Work request:
Retype, word for word, each line between the lines holding "#185=IFCPRODUCTDEFINITIONSHAPE($,$,(#184));" and "#193=IFCINDEXEDPOLYGONALFACE((5,7,8,6));", inclusive, and leave the rest of the data alone.

Stored items:
:::
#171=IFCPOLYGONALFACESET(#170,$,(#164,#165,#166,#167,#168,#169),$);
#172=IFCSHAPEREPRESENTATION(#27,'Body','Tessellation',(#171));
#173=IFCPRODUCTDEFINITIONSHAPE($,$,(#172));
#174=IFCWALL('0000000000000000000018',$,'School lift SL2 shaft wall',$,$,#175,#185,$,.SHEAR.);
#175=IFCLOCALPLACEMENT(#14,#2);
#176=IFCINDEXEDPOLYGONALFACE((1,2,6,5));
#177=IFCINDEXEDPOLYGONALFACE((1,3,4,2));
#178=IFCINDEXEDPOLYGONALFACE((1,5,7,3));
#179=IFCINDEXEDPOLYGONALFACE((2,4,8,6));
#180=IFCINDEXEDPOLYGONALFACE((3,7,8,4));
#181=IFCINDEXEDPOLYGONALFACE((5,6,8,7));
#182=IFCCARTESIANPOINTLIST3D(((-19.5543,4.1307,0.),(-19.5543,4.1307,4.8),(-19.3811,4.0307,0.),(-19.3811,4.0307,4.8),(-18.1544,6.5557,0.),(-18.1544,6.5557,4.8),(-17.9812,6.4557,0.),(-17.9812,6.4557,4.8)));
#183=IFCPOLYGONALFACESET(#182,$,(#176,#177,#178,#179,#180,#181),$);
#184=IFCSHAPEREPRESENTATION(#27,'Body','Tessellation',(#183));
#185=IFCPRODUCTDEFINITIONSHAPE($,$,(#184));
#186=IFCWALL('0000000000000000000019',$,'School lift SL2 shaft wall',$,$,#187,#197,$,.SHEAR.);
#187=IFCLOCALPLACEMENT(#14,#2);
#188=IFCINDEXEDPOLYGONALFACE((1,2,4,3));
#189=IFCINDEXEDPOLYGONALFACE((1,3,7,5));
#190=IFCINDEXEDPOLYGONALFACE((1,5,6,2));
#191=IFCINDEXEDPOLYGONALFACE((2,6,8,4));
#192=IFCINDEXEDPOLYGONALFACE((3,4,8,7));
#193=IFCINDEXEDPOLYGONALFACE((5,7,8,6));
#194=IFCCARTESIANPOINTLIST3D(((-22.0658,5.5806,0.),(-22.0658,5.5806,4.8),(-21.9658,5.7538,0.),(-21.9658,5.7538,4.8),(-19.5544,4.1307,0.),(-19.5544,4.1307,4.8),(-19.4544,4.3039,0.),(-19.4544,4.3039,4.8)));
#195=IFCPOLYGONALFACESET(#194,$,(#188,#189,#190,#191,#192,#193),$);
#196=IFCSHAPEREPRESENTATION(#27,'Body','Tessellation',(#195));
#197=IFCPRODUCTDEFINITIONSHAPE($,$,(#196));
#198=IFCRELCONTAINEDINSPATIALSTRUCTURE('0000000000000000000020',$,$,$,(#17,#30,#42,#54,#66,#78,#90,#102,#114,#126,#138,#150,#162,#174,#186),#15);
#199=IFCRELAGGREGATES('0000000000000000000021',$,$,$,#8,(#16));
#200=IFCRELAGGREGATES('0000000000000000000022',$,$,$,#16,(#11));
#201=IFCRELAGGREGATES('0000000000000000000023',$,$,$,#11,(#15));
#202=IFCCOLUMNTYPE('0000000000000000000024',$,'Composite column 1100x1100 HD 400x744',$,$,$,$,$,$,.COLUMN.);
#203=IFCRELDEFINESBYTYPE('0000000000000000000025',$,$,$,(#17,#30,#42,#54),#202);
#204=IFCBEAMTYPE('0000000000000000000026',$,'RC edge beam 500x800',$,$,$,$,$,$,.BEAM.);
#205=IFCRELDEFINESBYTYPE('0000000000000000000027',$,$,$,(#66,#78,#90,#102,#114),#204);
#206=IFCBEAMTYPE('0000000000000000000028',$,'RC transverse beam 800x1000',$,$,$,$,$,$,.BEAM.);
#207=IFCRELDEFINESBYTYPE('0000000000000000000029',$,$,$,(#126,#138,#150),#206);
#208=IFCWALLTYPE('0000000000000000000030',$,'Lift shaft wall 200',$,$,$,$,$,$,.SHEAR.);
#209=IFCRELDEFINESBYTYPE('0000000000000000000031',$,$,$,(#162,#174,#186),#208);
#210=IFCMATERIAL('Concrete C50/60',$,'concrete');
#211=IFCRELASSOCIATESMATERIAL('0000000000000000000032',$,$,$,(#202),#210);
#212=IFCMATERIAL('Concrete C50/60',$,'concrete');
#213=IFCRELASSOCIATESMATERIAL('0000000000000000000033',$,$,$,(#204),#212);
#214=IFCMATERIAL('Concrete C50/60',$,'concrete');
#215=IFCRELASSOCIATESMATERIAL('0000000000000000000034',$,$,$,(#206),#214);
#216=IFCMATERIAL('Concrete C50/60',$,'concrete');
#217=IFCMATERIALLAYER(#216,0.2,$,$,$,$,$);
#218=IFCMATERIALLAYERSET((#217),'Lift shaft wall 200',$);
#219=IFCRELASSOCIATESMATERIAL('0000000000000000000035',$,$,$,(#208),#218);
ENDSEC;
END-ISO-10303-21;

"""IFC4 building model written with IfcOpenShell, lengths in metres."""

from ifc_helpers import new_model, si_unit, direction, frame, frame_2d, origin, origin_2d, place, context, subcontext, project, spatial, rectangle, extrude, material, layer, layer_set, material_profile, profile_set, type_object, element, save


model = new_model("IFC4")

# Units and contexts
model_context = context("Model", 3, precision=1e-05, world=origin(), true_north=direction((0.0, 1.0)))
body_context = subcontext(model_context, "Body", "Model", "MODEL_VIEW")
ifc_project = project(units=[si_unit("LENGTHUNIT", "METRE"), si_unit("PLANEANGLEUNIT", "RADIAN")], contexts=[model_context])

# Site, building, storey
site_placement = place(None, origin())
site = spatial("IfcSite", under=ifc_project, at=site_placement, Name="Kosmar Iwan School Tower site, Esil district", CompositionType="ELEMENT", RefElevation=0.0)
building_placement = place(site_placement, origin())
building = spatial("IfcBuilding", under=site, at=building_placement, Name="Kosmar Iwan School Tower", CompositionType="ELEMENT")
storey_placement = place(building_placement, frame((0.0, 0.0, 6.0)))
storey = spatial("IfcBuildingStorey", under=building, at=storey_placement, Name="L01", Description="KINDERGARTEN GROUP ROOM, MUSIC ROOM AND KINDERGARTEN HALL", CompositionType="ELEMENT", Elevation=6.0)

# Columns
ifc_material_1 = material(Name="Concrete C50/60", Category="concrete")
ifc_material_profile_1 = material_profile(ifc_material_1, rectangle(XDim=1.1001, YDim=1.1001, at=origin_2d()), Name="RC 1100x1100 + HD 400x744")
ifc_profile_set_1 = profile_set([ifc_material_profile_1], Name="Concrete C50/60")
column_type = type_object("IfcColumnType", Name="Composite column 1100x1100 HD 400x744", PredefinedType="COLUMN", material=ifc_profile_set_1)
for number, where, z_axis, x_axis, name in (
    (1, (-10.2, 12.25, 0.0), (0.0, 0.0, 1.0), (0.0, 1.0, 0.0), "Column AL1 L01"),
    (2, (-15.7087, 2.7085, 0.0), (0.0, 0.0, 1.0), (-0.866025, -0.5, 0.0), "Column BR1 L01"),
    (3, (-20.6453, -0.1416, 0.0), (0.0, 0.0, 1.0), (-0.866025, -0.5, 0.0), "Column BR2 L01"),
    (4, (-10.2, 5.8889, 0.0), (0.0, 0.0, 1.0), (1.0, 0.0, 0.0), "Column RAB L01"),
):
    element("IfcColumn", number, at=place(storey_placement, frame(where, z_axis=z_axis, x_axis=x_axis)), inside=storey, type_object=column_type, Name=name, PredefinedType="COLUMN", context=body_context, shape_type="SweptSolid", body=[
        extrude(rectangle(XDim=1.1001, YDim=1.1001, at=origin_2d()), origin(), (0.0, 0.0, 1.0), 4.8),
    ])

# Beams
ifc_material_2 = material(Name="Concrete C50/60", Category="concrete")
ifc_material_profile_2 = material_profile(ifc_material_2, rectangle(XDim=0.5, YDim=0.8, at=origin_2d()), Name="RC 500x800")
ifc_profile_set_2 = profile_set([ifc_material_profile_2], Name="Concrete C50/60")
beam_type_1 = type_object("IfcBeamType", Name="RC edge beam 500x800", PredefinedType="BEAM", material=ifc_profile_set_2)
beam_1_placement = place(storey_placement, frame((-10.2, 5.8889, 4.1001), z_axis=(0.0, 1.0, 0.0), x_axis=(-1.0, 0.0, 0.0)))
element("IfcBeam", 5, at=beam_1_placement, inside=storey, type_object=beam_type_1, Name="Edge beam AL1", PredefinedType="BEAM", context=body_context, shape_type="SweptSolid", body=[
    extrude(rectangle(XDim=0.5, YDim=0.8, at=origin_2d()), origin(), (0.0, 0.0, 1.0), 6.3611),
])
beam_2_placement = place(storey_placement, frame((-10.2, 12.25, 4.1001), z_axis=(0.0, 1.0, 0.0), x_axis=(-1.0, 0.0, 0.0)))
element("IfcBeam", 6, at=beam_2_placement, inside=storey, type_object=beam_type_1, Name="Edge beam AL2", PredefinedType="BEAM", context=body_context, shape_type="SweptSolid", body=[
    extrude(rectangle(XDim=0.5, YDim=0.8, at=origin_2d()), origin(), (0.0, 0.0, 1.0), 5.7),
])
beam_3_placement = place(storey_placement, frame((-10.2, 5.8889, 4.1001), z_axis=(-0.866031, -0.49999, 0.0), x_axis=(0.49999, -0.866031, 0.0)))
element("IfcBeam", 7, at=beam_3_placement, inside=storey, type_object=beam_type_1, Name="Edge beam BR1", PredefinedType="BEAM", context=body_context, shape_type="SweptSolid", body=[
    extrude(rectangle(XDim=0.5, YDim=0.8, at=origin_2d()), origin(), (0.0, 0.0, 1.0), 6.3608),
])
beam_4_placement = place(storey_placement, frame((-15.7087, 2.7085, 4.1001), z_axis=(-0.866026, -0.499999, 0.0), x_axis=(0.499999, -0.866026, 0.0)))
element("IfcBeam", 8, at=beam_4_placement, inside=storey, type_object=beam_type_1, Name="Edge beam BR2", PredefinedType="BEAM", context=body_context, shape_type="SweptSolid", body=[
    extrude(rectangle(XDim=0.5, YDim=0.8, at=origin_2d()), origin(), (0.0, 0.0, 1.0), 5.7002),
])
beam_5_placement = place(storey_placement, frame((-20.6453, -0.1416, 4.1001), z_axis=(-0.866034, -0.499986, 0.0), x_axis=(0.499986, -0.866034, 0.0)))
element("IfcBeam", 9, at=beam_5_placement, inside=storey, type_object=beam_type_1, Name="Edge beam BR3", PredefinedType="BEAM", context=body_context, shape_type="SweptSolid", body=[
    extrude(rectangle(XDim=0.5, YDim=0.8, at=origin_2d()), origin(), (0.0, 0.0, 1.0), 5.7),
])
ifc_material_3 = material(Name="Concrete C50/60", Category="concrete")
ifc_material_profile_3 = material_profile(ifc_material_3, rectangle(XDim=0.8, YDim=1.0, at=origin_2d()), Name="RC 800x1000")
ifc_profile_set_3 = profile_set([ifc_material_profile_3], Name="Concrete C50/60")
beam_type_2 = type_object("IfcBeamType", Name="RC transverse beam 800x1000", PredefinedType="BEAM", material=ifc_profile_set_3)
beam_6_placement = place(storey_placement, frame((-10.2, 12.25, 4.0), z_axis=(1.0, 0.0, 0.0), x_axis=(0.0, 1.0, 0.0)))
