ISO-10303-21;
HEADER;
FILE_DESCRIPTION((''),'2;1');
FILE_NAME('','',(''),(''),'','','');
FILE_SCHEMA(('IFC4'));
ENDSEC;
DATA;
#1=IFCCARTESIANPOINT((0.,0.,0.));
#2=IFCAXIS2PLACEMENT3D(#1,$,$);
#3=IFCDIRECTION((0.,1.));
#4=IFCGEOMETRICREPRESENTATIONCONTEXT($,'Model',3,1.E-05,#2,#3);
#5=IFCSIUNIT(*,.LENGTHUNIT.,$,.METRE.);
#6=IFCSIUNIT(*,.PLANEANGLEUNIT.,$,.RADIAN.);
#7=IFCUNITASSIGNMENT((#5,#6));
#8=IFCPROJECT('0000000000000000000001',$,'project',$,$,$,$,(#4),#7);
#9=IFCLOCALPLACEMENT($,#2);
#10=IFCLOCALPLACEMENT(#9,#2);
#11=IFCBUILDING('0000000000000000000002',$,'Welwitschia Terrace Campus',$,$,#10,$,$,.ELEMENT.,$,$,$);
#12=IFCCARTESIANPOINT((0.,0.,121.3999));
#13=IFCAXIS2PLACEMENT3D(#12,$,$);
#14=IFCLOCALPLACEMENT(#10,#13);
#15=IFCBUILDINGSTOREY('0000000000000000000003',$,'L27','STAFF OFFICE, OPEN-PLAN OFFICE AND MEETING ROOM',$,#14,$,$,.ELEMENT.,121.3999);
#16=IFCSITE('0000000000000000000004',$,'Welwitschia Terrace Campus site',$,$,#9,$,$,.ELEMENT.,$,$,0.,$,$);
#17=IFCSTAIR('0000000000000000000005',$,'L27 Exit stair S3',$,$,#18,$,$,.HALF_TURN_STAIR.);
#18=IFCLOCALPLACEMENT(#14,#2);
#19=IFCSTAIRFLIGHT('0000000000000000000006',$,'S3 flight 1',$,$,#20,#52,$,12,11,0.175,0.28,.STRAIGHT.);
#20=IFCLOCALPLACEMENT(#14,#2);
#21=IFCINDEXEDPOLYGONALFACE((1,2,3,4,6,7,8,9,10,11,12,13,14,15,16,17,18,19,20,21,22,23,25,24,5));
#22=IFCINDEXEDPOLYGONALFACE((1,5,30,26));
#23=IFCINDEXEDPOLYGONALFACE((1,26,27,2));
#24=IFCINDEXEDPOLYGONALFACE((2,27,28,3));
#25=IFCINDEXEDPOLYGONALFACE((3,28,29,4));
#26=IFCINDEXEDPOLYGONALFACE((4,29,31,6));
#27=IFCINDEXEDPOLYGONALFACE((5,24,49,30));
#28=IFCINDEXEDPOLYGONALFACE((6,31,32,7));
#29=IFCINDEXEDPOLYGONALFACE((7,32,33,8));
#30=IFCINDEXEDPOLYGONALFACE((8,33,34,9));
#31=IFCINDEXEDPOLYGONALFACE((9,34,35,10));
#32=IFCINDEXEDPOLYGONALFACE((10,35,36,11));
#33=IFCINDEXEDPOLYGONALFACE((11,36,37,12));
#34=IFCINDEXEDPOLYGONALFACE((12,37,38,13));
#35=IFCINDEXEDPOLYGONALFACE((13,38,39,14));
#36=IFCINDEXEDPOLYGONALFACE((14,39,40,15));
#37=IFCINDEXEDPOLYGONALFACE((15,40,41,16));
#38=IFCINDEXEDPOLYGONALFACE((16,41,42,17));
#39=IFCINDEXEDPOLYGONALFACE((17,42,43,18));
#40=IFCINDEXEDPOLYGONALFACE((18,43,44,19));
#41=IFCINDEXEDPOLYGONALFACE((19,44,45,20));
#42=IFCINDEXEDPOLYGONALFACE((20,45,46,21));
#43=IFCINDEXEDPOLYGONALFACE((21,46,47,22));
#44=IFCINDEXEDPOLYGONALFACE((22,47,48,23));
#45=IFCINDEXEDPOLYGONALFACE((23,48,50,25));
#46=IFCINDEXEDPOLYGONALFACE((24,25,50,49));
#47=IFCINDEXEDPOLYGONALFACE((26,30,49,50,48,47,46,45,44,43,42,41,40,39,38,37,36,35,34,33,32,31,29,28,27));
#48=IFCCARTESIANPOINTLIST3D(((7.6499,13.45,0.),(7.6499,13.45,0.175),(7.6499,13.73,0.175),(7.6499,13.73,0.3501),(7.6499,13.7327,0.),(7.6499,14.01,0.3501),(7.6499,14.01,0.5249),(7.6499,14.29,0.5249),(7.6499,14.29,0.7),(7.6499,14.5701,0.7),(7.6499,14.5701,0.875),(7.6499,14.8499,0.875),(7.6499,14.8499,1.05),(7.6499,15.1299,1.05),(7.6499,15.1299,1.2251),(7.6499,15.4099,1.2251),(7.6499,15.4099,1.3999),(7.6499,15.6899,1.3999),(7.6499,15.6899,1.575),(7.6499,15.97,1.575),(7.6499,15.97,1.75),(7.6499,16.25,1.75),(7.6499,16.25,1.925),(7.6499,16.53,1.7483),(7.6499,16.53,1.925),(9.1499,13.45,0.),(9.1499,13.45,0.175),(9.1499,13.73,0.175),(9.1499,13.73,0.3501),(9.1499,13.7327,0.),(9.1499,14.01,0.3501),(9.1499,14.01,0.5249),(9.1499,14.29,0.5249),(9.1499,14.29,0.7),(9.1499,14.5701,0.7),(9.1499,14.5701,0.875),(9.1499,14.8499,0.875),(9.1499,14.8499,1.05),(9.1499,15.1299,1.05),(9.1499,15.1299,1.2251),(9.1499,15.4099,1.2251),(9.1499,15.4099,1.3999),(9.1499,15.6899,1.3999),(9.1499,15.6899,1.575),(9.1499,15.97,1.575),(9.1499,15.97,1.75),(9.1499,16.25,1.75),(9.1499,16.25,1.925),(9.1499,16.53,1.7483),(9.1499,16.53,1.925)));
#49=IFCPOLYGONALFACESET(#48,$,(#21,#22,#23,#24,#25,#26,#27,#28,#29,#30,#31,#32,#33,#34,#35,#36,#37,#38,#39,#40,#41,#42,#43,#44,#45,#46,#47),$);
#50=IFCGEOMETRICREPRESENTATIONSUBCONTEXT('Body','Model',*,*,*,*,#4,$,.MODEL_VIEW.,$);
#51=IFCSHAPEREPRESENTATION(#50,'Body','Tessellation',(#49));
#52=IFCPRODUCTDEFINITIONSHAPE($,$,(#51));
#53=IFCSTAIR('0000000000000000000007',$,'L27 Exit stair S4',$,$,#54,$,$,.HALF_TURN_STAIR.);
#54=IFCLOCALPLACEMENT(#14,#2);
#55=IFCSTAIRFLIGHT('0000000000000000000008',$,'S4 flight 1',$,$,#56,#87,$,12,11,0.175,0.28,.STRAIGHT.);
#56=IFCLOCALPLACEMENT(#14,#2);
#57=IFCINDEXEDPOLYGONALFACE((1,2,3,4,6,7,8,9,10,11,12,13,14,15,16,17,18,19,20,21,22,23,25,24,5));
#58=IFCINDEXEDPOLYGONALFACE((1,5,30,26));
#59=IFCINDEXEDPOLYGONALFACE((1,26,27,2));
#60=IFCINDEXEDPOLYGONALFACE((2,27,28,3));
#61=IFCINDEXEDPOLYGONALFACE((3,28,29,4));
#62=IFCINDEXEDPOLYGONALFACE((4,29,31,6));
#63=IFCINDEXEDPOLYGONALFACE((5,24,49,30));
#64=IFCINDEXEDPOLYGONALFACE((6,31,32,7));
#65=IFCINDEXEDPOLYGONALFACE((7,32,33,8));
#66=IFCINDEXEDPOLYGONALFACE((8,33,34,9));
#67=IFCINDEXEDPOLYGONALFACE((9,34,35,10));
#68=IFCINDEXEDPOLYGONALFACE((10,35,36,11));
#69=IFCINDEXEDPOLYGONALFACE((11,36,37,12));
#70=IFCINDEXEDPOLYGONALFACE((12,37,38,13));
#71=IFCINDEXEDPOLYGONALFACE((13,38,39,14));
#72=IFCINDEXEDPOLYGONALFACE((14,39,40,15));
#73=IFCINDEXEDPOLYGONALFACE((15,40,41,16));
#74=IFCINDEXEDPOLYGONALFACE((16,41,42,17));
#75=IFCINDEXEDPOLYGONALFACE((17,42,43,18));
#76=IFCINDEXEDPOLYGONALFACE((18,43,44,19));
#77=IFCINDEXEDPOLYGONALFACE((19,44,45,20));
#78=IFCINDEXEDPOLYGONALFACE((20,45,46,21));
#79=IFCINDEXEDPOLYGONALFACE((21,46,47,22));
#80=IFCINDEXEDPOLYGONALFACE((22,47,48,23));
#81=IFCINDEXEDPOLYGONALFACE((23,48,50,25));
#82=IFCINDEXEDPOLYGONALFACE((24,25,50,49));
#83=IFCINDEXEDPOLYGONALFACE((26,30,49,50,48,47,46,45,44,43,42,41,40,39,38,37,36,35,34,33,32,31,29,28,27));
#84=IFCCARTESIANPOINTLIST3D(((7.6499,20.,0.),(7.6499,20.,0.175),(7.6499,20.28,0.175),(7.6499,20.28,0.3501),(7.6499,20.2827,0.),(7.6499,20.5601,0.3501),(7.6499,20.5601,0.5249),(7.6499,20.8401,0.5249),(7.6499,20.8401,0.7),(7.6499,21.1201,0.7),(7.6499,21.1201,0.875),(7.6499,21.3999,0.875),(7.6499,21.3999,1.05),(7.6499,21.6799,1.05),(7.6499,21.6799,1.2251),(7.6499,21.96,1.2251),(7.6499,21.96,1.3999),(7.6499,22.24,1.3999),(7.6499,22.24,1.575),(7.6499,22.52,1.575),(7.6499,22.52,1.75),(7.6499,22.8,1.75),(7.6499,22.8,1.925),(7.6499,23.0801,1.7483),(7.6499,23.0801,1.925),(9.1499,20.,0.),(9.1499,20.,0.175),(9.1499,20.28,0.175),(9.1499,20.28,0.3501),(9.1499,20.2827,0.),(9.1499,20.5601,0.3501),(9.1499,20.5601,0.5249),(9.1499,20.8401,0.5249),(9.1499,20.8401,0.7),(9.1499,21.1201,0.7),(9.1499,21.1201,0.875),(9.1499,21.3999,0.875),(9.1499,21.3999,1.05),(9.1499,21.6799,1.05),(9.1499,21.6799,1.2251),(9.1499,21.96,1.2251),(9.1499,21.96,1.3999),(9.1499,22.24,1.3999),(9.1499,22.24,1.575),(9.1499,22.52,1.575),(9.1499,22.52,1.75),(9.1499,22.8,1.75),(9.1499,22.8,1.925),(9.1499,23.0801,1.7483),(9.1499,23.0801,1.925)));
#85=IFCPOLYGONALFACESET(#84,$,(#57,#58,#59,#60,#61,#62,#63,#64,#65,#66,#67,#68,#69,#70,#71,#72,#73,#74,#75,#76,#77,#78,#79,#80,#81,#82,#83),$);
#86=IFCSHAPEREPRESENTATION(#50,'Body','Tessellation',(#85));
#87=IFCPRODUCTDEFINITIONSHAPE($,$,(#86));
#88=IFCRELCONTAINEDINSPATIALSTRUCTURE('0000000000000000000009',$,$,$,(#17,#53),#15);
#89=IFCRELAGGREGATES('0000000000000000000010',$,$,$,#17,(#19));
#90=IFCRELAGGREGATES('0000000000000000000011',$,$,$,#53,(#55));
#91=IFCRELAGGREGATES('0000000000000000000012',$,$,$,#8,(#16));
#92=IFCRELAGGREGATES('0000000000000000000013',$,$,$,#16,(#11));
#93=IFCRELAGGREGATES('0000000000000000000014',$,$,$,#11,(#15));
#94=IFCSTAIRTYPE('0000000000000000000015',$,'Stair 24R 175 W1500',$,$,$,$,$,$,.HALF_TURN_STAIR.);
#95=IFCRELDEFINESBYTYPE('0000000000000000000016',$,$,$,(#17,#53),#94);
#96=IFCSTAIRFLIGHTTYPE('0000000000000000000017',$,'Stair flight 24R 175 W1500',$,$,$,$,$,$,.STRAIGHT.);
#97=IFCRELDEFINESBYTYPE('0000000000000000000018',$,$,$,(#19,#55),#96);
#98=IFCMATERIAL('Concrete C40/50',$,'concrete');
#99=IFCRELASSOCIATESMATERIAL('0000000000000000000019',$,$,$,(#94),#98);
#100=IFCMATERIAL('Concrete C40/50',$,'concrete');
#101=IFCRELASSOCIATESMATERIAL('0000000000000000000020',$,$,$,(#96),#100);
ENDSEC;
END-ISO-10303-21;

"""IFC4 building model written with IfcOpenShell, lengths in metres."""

from ifc_helpers import new_model, si_unit, direction, frame, origin, place, context, subcontext, project, spatial, polyline, outline, extrude, material, type_object, element, aggregate, save


model = new_model("IFC4")

# Units and contexts
model_context = context("Model", 3, precision=1e-05, world=origin(), true_north=direction((0.0, 1.0)))
body_context = subcontext(model_context, "Body", "Model", "MODEL_VIEW")
ifc_project = project(units=[si_unit("LENGTHUNIT", "METRE"), si_unit("PLANEANGLEUNIT", "RADIAN")], contexts=[model_context])

# Site, building, storey
site_placement = place(None, origin())
site = spatial("IfcSite", under=ifc_project, at=site_placement, Name="Welwitschia Terrace Campus site", CompositionType="ELEMENT", RefElevation=0.0)
building_placement = place(site_placement, origin())
building = spatial("IfcBuilding", under=site, at=building_placement, Name="Welwitschia Terrace Campus", CompositionType="ELEMENT")
storey_placement = place(building_placement, frame((0.0, 0.0, 121.3999)))
storey = spatial("IfcBuildingStorey", under=building, at=storey_placement, Name="L27", Description="STAFF OFFICE, OPEN-PLAN OFFICE AND MEETING ROOM", CompositionType="ELEMENT", Elevation=121.3999)

# Stairs, stair flights
ifc_material_1 = material(Name="Concrete C40/50", Category="concrete")
stair_type = type_object("IfcStairType", Name="Stair 24R 175 W1500", PredefinedType="HALF_TURN_STAIR", material=ifc_material_1)
stair_1_placement = place(storey_placement, origin())
stair_1 = element("IfcStair", 1, at=stair_1_placement, inside=storey, type_object=stair_type, Name="L27 Exit stair S3", PredefinedType="HALF_TURN_STAIR")
ifc_material_2 = material(Name="Concrete C40/50", Category="concrete")
stair_flight_type = type_object("IfcStairFlightType", Name="Stair flight 24R 175 W1500", PredefinedType="STRAIGHT", material=ifc_material_2)
stair_flight_1_placement = place(storey_placement, frame((8.3999, 13.45, 0.0), z_axis=(0.0, 0.0, 1.0), x_axis=(0.0, 1.0, 0.0)))
stair_flight_1 = element("IfcStairFlight", 2, at=stair_flight_1_placement, type_object=stair_flight_type, Name="S3 flight 1", NumberOfRisers=12, NumberOfTreads=11, PredefinedType="STRAIGHT", RiserHeight=0.175, TreadLength=0.28, context=body_context, shape_type="SweptSolid", body=[
    extrude(outline(polyline([(0.0, 0.0), (0.0, 0.175), (0.28, 0.175), (0.28, 0.3501), (0.5601, 0.3501), (0.5601, 0.5249), (0.8401, 0.5249), (0.8401, 0.7), (1.1201, 0.7), (1.1201, 0.875), (1.3999, 0.875), (1.3999, 1.05), (1.6799, 1.05), (1.6799, 1.2251), (1.96, 1.2251), (1.96, 1.3999), (2.24, 1.3999), (2.24, 1.575), (2.52, 1.575), (2.52, 1.75), (2.8, 1.75), (2.8, 1.925), (3.0801, 1.925), (3.0801, 2.1001), (3.0801, 1.7483), (0.2827, 0.0), (0.0, 0.0)])), frame((0.0, 0.75, 0.0), z_axis=(0.0, -1.0, 0.0), x_axis=(1.0, 0.0, 0.0)), (0.0, 0.0, 1.0), 1.5),
])
aggregate(stair_1, [stair_flight_1])
stair_2_placement = place(storey_placement, origin())
stair_2 = element("IfcStair", 3, at=stair_2_placement, inside=storey, type_object=stair_type, Name="L27 Exit stair S4", PredefinedType="HALF_TURN_STAIR")
stair_flight_2_placement = place(storey_placement, frame((8.3999, 20.0, 0.0), z_axis=(0.0, 0.0, 1.0), x_axis=(0.0, 1.0, 0.0)))
stair_flight_2 = element("IfcStairFlight", 4, at=stair_flight_2_placement, type_object=stair_flight_type, Name="S4 flight 1", NumberOfRisers=12, NumberOfTreads=11, PredefinedType="STRAIGHT", RiserHeight=0.175, TreadLength=0.28, context=body_context, shape_type="SweptSolid", body=[
    extrude(outline(polyline([(0.0, 0.0), (0.0, 0.175), (0.28, 0.175), (0.28, 0.3501), (0.5601, 0.3501), (0.5601, 0.5249), (0.8401, 0.5249), (0.8401, 0.7), (1.1201, 0.7), (1.1201, 0.875), (1.3999, 0.875), (1.3999, 1.05), (1.6799, 1.05), (1.6799, 1.2251), (1.96, 1.2251), (1.96, 1.3999), (2.24, 1.3999), (2.24, 1.575), (2.52, 1.575), (2.52, 1.75), (2.8, 1.75), (2.8, 1.925), (3.0801, 1.925), (3.0801, 2.1001), (3.0801, 1.7483), (0.2827, 0.0), (0.0, 0.0)])), frame((0.0, 0.75, 0.0), z_axis=(0.0, -1.0, 0.0), x_axis=(1.0, 0.0, 0.0)), (0.0, 0.0, 1.0), 1.5),
])
aggregate(stair_2, [stair_flight_2])

save(model, "model.ifc")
:::
Reply:
#185=IFCPRODUCTDEFINITIONSHAPE($,$,(#184));
#186=IFCWALL('0000000000000000000019',$,'School lift SL2 shaft wall',$,$,#187,#197,$,.SHEAR.);
#187=IFCLOCALPLACEMENT(#14,#2);
#188=IFCINDEXEDPOLYGONALFACE((1,2,4,3));
#189=IFCINDEXEDPOLYGONALFACE((1,3,7,5));
#190=IFCINDEXEDPOLYGONALFACE((1,5,6,2));
#191=IFCINDEXEDPOLYGONALFACE((2,6,8,4));
#192=IFCINDEXEDPOLYGONALFACE((3,4,8,7));
#193=IFCINDEXEDPOLYGONALFACE((5,7,8,6));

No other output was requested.